Requirement → Whenever the word "IFCSIUNIT" appears in a line of the listing, copy that line.

Records shown →
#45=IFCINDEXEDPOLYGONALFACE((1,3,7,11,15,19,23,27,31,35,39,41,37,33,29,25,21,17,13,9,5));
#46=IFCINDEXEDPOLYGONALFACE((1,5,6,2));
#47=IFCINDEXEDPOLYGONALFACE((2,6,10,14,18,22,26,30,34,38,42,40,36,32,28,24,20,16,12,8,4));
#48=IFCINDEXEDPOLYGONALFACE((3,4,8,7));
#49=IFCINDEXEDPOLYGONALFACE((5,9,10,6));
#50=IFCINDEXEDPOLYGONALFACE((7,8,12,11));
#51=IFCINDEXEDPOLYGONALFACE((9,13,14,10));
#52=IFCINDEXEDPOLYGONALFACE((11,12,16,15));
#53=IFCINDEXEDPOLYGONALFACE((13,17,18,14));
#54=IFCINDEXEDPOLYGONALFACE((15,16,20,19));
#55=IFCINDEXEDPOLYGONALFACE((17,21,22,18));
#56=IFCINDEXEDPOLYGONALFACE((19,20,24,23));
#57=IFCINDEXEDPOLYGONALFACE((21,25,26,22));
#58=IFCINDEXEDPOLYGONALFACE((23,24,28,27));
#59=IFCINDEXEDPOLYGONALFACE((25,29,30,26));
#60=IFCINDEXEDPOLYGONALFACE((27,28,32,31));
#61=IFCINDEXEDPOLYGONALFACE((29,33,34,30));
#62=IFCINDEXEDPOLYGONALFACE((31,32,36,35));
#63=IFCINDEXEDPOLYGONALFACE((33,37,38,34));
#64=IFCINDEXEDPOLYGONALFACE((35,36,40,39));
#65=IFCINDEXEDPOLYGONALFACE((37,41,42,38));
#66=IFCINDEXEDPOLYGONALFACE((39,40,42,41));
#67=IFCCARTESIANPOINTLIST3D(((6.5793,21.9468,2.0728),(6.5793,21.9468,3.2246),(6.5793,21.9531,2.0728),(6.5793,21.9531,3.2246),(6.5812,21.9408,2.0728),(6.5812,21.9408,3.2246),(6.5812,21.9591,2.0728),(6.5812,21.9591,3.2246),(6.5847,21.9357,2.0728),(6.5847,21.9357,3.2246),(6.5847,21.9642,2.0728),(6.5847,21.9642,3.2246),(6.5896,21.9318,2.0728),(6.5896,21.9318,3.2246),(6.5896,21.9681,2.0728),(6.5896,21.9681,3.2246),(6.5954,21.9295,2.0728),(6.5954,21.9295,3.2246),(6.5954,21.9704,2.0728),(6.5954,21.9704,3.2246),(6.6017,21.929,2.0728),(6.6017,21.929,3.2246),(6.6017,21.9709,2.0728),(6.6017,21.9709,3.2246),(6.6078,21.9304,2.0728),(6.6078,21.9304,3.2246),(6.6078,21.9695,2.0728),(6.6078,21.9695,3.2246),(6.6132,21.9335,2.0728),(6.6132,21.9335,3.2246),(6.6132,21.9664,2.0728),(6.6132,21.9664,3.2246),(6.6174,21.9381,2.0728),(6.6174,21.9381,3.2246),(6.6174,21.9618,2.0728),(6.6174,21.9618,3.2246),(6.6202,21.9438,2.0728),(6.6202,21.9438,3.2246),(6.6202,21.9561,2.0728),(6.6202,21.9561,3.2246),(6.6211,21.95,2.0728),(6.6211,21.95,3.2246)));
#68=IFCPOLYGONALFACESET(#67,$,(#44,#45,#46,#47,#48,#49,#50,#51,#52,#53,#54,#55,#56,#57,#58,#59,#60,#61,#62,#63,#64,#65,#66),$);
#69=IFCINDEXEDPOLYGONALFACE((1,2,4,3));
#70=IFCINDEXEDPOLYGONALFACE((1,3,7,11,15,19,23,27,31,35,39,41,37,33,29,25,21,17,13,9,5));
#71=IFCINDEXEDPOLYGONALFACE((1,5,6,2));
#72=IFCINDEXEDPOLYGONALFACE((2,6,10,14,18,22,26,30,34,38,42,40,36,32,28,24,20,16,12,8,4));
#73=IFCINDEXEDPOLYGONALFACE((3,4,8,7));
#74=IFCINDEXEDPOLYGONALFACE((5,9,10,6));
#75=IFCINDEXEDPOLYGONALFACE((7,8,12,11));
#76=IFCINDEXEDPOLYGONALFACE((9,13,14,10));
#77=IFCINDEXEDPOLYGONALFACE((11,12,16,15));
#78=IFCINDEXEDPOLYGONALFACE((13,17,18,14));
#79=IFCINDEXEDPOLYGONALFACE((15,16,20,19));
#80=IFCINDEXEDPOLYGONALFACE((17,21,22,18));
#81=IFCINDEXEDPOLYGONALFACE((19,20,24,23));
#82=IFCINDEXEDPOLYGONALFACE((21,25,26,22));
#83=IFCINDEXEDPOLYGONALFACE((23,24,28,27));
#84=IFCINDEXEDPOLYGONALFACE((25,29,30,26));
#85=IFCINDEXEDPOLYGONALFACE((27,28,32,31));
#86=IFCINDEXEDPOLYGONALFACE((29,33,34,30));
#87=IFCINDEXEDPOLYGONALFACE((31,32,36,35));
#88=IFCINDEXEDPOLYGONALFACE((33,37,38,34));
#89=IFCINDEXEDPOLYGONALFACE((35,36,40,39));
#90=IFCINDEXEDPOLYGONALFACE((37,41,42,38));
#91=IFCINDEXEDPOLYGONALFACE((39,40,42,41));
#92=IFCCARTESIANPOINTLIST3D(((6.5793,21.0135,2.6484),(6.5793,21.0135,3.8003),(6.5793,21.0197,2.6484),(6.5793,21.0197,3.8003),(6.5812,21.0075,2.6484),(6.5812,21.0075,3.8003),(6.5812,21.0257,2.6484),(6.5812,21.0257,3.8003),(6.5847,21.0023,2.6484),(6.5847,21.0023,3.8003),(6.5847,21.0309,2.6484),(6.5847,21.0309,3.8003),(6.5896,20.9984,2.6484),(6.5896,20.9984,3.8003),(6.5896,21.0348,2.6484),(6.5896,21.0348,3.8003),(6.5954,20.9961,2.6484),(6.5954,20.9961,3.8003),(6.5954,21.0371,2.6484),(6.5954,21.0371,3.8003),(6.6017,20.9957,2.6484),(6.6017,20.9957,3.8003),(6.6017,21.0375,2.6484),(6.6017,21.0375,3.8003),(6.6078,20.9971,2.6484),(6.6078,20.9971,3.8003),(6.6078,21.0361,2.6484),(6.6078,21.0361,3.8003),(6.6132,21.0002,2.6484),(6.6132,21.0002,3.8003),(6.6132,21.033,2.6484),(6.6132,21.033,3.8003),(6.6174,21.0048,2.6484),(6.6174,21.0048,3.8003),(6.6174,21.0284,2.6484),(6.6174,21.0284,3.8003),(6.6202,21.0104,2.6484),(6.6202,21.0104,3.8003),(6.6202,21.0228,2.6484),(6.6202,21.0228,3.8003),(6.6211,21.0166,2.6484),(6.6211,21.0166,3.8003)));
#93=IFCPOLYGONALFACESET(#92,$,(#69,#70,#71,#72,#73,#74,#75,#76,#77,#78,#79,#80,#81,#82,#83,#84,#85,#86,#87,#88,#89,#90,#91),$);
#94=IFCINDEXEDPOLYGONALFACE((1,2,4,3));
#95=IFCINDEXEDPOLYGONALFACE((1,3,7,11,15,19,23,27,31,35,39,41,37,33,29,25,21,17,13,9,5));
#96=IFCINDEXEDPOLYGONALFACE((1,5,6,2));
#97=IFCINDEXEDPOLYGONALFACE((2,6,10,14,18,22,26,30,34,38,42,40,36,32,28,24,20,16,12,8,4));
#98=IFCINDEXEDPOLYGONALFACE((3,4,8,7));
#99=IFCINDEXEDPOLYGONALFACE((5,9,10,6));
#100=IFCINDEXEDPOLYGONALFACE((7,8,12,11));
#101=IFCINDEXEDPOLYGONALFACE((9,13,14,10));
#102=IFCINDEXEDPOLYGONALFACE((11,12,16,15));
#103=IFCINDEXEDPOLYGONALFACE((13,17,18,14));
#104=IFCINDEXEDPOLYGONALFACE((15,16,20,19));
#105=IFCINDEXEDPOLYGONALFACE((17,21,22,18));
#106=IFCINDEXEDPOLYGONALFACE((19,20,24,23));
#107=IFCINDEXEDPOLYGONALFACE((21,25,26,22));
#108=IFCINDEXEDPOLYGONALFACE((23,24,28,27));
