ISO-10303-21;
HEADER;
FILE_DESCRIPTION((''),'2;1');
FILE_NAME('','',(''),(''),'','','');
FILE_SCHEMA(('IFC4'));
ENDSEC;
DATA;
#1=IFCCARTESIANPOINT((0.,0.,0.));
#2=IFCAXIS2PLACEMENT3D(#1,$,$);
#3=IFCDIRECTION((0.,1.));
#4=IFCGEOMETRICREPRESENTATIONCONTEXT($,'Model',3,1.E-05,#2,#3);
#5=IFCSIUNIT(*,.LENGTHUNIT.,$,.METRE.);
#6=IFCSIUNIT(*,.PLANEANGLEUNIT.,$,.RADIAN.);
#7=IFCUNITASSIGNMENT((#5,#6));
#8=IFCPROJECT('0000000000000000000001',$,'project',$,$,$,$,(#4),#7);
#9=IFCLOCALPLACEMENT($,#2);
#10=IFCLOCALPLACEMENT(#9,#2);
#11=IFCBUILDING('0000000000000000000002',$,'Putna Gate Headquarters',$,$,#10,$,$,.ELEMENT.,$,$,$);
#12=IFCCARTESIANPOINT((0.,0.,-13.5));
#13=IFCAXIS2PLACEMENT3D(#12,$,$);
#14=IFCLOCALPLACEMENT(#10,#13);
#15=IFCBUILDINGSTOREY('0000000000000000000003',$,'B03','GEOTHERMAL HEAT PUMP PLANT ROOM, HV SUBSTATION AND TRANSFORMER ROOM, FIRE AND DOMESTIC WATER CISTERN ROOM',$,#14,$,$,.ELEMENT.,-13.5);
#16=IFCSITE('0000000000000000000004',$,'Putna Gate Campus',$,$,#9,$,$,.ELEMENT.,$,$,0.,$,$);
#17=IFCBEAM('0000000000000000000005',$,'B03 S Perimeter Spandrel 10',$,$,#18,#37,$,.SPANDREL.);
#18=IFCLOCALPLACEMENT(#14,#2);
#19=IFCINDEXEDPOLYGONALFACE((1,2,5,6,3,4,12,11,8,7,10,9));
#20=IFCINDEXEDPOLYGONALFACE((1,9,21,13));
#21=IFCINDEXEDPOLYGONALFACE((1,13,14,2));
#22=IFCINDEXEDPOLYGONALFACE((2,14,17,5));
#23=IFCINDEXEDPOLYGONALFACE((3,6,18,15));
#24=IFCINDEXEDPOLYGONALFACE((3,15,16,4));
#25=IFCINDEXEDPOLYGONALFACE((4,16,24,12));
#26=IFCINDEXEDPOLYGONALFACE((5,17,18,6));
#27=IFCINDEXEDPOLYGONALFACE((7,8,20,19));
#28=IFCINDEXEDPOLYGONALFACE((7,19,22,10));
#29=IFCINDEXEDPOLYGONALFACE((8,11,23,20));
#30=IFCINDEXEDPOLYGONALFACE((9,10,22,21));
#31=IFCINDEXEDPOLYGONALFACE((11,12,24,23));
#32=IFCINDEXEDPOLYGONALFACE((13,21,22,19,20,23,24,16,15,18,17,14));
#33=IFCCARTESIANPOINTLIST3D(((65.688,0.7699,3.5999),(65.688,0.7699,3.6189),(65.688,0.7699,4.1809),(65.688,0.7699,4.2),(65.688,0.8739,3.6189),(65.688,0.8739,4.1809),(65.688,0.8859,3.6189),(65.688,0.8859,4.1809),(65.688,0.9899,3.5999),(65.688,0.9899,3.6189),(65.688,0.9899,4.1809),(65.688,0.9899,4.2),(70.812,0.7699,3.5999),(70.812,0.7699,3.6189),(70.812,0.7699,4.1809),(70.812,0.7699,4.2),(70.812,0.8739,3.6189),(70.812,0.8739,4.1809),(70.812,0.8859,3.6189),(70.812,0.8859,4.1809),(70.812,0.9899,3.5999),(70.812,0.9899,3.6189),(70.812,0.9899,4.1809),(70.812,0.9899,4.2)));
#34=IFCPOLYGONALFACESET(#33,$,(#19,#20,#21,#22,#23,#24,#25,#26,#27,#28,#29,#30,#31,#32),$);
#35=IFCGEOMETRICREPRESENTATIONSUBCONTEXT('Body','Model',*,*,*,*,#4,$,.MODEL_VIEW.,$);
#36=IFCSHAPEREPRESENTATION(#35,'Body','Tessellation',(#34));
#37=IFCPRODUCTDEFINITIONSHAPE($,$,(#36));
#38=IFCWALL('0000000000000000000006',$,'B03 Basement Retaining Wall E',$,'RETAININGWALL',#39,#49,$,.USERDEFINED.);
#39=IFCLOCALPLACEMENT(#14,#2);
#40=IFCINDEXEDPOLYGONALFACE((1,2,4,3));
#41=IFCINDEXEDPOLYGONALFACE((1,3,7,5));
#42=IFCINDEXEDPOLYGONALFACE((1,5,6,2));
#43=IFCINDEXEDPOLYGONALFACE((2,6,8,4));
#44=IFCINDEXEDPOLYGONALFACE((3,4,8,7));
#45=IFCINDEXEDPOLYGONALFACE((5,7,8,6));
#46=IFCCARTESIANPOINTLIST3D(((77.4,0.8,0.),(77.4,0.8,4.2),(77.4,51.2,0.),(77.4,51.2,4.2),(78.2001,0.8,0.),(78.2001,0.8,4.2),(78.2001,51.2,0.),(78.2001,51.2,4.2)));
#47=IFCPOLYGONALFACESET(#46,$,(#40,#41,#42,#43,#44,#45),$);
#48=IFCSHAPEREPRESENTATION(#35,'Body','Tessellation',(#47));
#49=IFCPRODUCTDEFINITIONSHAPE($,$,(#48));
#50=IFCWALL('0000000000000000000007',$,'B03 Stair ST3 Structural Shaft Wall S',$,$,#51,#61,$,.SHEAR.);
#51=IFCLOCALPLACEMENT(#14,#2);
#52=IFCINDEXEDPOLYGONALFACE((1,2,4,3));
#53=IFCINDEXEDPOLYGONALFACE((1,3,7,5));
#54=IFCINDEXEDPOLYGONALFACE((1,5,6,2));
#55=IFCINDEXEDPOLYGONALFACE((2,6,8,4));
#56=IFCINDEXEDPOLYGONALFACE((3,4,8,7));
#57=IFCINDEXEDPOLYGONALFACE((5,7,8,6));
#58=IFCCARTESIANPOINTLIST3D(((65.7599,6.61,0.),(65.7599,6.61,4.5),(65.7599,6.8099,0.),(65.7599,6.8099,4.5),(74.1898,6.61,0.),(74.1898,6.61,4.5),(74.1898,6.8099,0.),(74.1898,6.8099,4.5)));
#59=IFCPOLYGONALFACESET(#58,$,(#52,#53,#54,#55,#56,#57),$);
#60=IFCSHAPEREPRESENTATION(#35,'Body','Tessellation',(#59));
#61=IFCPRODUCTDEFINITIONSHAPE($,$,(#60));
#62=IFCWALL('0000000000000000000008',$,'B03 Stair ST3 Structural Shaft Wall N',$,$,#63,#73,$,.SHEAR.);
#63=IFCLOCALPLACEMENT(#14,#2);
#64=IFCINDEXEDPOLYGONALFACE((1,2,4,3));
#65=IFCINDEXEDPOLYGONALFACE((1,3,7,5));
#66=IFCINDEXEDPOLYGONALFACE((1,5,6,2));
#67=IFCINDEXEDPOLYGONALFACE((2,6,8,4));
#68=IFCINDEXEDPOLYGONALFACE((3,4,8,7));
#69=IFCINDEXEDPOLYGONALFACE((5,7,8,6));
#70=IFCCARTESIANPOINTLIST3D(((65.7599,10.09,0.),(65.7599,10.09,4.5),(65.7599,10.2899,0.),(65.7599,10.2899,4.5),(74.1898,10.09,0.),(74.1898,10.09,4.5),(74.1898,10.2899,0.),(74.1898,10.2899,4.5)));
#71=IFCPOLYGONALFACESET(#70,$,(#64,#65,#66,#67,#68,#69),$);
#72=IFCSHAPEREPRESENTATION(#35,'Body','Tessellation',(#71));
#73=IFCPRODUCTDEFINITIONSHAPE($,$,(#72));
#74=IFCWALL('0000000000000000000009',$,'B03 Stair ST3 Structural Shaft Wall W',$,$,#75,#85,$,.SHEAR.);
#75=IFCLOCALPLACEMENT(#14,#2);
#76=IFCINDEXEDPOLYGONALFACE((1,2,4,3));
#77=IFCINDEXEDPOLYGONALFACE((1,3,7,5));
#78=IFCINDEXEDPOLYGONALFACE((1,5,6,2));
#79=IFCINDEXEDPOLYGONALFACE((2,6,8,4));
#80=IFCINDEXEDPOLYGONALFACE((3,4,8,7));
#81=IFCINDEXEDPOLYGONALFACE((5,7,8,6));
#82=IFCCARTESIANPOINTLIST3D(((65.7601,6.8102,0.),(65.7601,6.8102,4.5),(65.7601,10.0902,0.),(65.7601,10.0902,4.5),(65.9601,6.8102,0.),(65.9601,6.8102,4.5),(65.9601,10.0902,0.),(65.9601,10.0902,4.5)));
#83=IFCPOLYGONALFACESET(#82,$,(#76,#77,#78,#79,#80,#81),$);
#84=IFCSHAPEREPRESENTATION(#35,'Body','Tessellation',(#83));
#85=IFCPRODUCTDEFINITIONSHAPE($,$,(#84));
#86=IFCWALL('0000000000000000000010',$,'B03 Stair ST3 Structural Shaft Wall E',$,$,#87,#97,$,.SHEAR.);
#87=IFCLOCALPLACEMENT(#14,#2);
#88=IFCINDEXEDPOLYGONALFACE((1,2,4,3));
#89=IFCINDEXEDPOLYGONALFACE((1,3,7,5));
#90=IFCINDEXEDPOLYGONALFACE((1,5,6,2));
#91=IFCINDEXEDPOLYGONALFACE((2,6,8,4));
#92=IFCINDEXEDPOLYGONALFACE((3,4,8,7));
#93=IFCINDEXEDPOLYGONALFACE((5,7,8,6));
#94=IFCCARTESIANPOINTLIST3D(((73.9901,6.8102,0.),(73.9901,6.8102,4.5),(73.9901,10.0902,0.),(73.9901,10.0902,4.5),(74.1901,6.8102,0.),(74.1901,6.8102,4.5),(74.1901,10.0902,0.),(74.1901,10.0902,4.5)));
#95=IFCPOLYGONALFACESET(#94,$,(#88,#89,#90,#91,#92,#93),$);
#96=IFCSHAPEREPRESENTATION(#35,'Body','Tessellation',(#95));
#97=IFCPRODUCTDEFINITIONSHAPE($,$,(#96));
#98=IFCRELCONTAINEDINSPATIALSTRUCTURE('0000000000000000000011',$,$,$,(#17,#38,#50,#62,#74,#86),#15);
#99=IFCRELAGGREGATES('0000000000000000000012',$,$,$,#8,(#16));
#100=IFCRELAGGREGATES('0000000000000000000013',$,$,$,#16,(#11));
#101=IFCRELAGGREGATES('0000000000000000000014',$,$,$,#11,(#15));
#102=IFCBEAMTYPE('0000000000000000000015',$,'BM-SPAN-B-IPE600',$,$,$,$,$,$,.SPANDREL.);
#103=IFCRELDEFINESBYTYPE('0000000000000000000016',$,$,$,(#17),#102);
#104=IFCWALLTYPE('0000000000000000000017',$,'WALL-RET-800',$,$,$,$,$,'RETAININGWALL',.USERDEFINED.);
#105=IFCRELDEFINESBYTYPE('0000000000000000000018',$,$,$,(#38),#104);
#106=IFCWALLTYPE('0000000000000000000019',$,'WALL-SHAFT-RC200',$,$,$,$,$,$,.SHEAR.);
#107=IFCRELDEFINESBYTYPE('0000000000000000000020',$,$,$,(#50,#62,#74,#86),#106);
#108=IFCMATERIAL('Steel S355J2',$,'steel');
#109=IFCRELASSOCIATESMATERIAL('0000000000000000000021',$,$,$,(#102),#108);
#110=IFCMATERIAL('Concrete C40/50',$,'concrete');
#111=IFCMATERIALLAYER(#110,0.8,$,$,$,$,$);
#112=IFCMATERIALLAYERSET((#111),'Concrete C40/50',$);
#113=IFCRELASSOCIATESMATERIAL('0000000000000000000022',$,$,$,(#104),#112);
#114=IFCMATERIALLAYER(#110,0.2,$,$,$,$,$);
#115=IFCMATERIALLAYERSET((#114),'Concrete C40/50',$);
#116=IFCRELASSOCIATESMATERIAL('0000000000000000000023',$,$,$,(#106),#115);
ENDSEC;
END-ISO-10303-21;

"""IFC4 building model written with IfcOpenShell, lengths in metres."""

from ifc_helpers import new_model, si_unit, direction, frame, frame_2d, origin, origin_2d, place, context, subcontext, project, spatial, rectangle, i_section, extrude, material, layer, layer_set, material_profile, profile_set, type_object, element, save


model = new_model("IFC4")

# Units and contexts
model_context = context("Model", 3, precision=1e-05, world=origin(), true_north=direction((0.0, 1.0)))
body_context = subcontext(model_context, "Body", "Model", "MODEL_VIEW")
ifc_project = project(units=[si_unit("LENGTHUNIT", "METRE"), si_unit("PLANEANGLEUNIT", "RADIAN")], contexts=[model_context])

# Site, building, storey
site_placement = place(None, origin())
site = spatial("IfcSite", under=ifc_project, at=site_placement, Name="Putna Gate Campus", CompositionType="ELEMENT", RefElevation=0.0)
building_placement = place(site_placement, origin())
building = spatial("IfcBuilding", under=site, at=building_placement, Name="Putna Gate Headquarters", CompositionType="ELEMENT")
storey_placement = place(building_placement, frame((0.0, 0.0, -13.5)))
storey = spatial("IfcBuildingStorey", under=building, at=storey_placement, Name="B03", Description="GEOTHERMAL HEAT PUMP PLANT ROOM, HV SUBSTATION AND TRANSFORMER ROOM, FIRE AND DOMESTIC WATER CISTERN ROOM", CompositionType="ELEMENT", Elevation=-13.5)

# Shared definitions
ifc_material_1 = material(Name="Concrete C40/50", Category="concrete")

# Beam
ifc_material_2 = material(Name="Steel S355J2", Category="steel")
ifc_material_profile_1 = material_profile(ifc_material_2, i_section(OverallWidth=0.22, OverallDepth=0.6001, WebThickness=0.012, FlangeThickness=0.019, at=origin_2d()), Name="Steel S355J2")
ifc_profile_set_1 = profile_set([ifc_material_profile_1], Name="Steel S355J2")
beam_type_1 = type_object("IfcBeamType", Name="BM-SPAN-B-IPE600", PredefinedType="SPANDREL", material=ifc_profile_set_1)
for number, where, z_axis, x_axis, name in (
    (1, (65.688, 0.8799, 3.8999), (1.0, 0.0, 0.0), (0.0, 1.0, 0.0), "B03 S Perimeter Spandrel 10"),
):
    element("IfcBeam", number, at=place(storey_placement, frame(where, z_axis=z_axis, x_axis=x_axis)), inside=storey, type_object=beam_type_1, Name=name, PredefinedType="SPANDREL", context=body_context, shape_type="SweptSolid", body=[
        extrude(i_section(OverallWidth=0.22, OverallDepth=0.6001, WebThickness=0.012, FlangeThickness=0.019, at=origin_2d()), origin(), (0.0, 0.0, 1.0), 5.124),
    ])

# Walls
ifc_layer_1 = layer(ifc_material_1, 0.8)
ifc_layer_set_1 = layer_set([ifc_layer_1], Name="Concrete C40/50")
wall_type_1 = type_object("IfcWallType", Name="WALL-RET-800", ElementType="RETAININGWALL", PredefinedType="USERDEFINED", material=ifc_layer_set_1)
wall_placement = place(storey_placement, frame((77.8, 0.8, 0.0), z_axis=(0.0, 0.0, 1.0), x_axis=(0.0, 1.0, 0.0)))
element("IfcWall", 2, at=wall_placement, inside=storey, type_object=wall_type_1, Name="B03 Basement Retaining Wall E", ObjectType="RETAININGWALL", PredefinedType="USERDEFINED", context=body_context, shape_type="SweptSolid", body=[
    extrude(rectangle(XDim=50.3999, YDim=0.8, at=frame_2d((25.2, 0.0))), origin(), (0.0, 0.0, 1.0), 4.2),
])
ifc_layer_2 = layer(ifc_material_1, 0.2)
ifc_layer_set_2 = layer_set([ifc_layer_2], Name="Concrete C40/50")
wall_type_2 = type_object("IfcWallType", Name="WALL-SHAFT-RC200", PredefinedType="SHEAR", material=ifc_layer_set_2)
for number, where, z_axis, x_axis, name in (
    (3, (65.76, 6.71, 0.0), (0.0, 0.0, 1.0), (1.0, 0.0, 0.0), "B03 Stair ST3 Structural Shaft Wall S"),
    (4, (65.76, 10.1899, 0.0), (0.0, 0.0, 1.0), (1.0, 0.0, 0.0), "B03 Stair ST3 Structural Shaft Wall N"),
):
    element("IfcWall", number, at=place(storey_placement, frame(where, z_axis=z_axis, x_axis=x_axis)), inside=storey, type_object=wall_type_2, Name=name, PredefinedType="SHEAR", context=body_context, shape_type="SweptSolid", body=[
        extrude(rectangle(XDim=8.4299, YDim=0.2, at=frame_2d((4.2148, 0.0))), origin(), (0.0, 0.0, 1.0), 4.5),
    ])
for number, where, z_axis, x_axis, name in (
    (5, (65.8601, 6.8101, 0.0), (0.0, 0.0, 1.0), (0.0, 1.0, 0.0), "B03 Stair ST3 Structural Shaft Wall W"),
    (6, (74.0901, 6.8101, 0.0), (0.0, 0.0, 1.0), (0.0, 1.0, 0.0), "B03 Stair ST3 Structural Shaft Wall E"),
):
    element("IfcWall", number, at=place(storey_placement, frame(where, z_axis=z_axis, x_axis=x_axis)), inside=storey, type_object=wall_type_2, Name=name, PredefinedType="SHEAR", context=body_context, shape_type="SweptSolid", body=[
        extrude(rectangle(XDim=3.28, YDim=0.2, at=frame_2d((1.6401, 0.0))), origin(), (0.0, 0.0, 1.0), 4.5),
    ])

save(model, "model.ifc")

Solution for this task →
#5=IFCSIUNIT(*,.LENGTHUNIT.,$,.METRE.);
#6=IFCSIUNIT(*,.PLANEANGLEUNIT.,$,.RADIAN.);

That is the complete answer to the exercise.